- [Work item]: Take the listing below and print exactly the lines starting at the line containing "#177=IFCINDEXEDPOLYGONALFACE((15,16,20,19));" and ending at the line containing "#189=IFCINDEXEDPOLYGONALFACE((39,40,42,41));", both ends included, and no others.

=== Begin Enclosure ===

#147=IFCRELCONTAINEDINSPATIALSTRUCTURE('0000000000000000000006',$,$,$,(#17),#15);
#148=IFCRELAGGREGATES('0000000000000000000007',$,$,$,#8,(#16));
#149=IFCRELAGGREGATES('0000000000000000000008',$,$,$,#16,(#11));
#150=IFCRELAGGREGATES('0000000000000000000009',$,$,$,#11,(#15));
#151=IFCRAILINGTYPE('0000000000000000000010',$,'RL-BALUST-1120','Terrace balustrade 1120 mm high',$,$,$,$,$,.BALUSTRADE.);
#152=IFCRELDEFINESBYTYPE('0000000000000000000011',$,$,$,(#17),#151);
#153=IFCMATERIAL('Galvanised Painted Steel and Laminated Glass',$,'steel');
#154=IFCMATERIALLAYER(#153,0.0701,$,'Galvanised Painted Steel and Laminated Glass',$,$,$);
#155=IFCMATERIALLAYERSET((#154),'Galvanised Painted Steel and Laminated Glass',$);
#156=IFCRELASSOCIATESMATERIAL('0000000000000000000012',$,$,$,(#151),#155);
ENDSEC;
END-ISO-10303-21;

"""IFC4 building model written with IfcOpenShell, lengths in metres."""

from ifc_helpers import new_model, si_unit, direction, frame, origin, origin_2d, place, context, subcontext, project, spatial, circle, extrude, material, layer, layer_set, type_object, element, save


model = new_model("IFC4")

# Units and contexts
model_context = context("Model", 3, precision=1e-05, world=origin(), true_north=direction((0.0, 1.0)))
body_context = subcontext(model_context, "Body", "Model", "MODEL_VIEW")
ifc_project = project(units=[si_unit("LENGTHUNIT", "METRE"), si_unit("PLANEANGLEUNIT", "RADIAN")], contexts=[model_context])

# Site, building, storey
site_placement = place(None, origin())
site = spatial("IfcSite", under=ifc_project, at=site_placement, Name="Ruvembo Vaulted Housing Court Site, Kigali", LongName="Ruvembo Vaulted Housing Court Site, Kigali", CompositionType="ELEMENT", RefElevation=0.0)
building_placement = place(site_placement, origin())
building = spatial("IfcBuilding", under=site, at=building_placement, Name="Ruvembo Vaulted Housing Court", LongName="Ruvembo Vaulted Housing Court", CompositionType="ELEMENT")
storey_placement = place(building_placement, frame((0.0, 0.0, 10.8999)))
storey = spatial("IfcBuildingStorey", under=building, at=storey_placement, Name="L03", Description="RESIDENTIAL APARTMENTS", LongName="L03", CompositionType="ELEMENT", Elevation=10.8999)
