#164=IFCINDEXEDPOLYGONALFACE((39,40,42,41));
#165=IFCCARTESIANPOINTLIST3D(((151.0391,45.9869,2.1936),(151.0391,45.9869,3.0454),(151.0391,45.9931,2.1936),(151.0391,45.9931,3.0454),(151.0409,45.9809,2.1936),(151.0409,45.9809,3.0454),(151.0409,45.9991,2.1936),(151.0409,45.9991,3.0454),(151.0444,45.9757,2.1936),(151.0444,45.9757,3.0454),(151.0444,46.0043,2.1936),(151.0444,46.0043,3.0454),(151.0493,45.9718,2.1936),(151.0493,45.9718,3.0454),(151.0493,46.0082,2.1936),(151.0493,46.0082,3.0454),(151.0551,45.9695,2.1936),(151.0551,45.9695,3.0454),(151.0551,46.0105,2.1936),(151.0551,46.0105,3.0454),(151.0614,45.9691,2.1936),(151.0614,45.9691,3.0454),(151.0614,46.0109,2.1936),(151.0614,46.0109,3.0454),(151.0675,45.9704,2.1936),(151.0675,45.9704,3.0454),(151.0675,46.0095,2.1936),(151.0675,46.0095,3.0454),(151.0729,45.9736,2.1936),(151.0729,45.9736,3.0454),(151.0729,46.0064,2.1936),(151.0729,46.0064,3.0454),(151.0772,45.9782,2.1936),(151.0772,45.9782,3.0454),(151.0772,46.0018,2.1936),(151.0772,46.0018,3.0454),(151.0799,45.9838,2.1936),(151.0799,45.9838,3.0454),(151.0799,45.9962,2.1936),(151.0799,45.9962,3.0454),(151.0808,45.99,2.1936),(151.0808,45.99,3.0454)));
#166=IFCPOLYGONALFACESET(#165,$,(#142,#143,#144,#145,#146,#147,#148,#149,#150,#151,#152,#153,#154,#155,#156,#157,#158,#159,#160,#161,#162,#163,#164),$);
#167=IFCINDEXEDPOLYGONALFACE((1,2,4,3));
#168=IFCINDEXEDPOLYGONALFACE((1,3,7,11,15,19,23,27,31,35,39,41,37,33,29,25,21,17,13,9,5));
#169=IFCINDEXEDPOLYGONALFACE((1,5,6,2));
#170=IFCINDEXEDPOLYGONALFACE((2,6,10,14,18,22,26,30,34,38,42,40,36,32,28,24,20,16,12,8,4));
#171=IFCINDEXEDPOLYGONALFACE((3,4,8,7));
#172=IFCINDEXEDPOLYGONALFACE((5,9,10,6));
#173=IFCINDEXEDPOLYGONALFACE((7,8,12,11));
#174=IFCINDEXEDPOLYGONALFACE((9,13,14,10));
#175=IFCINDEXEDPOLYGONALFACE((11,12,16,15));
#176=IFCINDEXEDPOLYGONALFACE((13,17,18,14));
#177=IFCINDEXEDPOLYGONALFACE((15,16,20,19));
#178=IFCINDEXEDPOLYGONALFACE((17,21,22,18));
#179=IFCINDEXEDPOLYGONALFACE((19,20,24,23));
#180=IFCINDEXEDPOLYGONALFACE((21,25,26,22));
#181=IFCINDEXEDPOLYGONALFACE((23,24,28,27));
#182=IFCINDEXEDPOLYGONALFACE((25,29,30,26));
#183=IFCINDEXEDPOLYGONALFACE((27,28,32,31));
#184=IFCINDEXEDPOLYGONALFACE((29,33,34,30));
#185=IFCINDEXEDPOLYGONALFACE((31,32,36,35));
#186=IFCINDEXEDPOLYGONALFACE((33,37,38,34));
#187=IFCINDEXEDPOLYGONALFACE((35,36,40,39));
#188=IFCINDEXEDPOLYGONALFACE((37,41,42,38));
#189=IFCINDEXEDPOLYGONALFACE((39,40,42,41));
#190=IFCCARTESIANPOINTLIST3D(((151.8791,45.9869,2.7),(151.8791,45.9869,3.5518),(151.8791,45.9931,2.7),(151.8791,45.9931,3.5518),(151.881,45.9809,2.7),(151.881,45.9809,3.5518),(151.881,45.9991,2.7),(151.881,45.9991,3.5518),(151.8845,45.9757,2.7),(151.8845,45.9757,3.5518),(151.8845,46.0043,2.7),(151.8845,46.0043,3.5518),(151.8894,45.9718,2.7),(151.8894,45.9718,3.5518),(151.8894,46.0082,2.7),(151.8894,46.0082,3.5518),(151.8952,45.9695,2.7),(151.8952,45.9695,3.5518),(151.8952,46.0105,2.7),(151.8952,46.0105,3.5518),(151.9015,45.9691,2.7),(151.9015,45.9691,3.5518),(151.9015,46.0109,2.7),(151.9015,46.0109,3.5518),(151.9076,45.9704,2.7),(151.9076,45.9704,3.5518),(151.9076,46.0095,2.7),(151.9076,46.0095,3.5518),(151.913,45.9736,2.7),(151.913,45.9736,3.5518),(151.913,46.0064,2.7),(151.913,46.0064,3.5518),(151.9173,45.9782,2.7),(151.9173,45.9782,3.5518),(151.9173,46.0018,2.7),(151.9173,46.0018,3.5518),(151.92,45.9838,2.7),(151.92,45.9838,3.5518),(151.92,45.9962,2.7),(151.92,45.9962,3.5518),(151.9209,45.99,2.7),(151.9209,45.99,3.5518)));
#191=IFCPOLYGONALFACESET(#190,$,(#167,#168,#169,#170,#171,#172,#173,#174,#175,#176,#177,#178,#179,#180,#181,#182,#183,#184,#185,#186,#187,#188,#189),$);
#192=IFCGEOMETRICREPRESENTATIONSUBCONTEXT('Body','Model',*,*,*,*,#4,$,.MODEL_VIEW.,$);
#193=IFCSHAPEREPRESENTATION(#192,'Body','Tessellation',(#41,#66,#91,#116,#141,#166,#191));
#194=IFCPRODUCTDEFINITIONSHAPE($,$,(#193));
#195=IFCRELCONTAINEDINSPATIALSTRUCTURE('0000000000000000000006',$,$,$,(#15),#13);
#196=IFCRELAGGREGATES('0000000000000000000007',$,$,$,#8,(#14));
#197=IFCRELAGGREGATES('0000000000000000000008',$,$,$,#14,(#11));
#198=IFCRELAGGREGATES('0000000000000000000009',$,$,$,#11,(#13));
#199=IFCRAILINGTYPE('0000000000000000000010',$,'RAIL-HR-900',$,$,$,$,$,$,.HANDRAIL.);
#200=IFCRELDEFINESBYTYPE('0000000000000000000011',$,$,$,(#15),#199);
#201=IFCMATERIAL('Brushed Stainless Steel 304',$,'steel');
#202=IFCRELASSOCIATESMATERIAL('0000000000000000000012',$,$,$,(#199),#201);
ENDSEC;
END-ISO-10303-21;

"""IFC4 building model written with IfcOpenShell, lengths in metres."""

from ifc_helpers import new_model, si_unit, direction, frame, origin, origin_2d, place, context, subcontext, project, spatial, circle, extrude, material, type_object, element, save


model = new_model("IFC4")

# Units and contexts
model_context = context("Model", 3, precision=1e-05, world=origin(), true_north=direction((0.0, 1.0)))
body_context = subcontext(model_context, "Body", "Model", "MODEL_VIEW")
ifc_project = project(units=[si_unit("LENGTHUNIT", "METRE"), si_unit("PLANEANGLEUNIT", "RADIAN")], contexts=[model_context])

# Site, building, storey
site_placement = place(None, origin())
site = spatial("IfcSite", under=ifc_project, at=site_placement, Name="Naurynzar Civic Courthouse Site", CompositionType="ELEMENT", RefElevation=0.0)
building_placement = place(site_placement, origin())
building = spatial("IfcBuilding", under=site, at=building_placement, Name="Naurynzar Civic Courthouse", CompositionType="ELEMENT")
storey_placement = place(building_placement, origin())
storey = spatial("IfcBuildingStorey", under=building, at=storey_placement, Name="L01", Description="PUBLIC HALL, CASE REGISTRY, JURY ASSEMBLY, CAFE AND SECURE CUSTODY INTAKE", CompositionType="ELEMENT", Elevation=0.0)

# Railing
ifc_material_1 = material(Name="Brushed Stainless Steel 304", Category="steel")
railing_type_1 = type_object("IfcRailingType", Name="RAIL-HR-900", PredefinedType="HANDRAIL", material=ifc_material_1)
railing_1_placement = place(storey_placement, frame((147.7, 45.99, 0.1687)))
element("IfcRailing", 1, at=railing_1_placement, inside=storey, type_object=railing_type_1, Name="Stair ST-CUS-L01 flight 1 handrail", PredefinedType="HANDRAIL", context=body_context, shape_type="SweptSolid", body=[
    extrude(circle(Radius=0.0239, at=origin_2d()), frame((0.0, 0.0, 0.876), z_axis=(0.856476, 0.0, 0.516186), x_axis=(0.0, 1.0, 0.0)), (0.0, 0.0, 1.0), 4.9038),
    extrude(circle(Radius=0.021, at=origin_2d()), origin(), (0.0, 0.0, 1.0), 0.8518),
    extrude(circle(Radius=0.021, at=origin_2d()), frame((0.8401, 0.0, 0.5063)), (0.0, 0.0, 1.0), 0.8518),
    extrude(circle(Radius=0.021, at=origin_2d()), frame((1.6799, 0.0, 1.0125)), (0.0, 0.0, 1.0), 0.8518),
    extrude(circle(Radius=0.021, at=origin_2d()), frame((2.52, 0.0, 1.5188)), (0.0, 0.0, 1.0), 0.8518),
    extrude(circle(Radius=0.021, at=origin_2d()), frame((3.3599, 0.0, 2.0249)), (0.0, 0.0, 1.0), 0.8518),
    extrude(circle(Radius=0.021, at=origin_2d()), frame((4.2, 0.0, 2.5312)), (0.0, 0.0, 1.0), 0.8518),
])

=== End Enclosure ===

- [Task solution]:
#177=IFCINDEXEDPOLYGONALFACE((15,16,20,19));
#178=IFCINDEXEDPOLYGONALFACE((17,21,22,18));
#179=IFCINDEXEDPOLYGONALFACE((19,20,24,23));
#180=IFCINDEXEDPOLYGONALFACE((21,25,26,22));
#181=IFCINDEXEDPOLYGONALFACE((23,24,28,27));
#182=IFCINDEXEDPOLYGONALFACE((25,29,30,26));
#183=IFCINDEXEDPOLYGONALFACE((27,28,32,31));
#184=IFCINDEXEDPOLYGONALFACE((29,33,34,30));
#185=IFCINDEXEDPOLYGONALFACE((31,32,36,35));
#186=IFCINDEXEDPOLYGONALFACE((33,37,38,34));
#187=IFCINDEXEDPOLYGONALFACE((35,36,40,39));
#188=IFCINDEXEDPOLYGONALFACE((37,41,42,38));
#189=IFCINDEXEDPOLYGONALFACE((39,40,42,41));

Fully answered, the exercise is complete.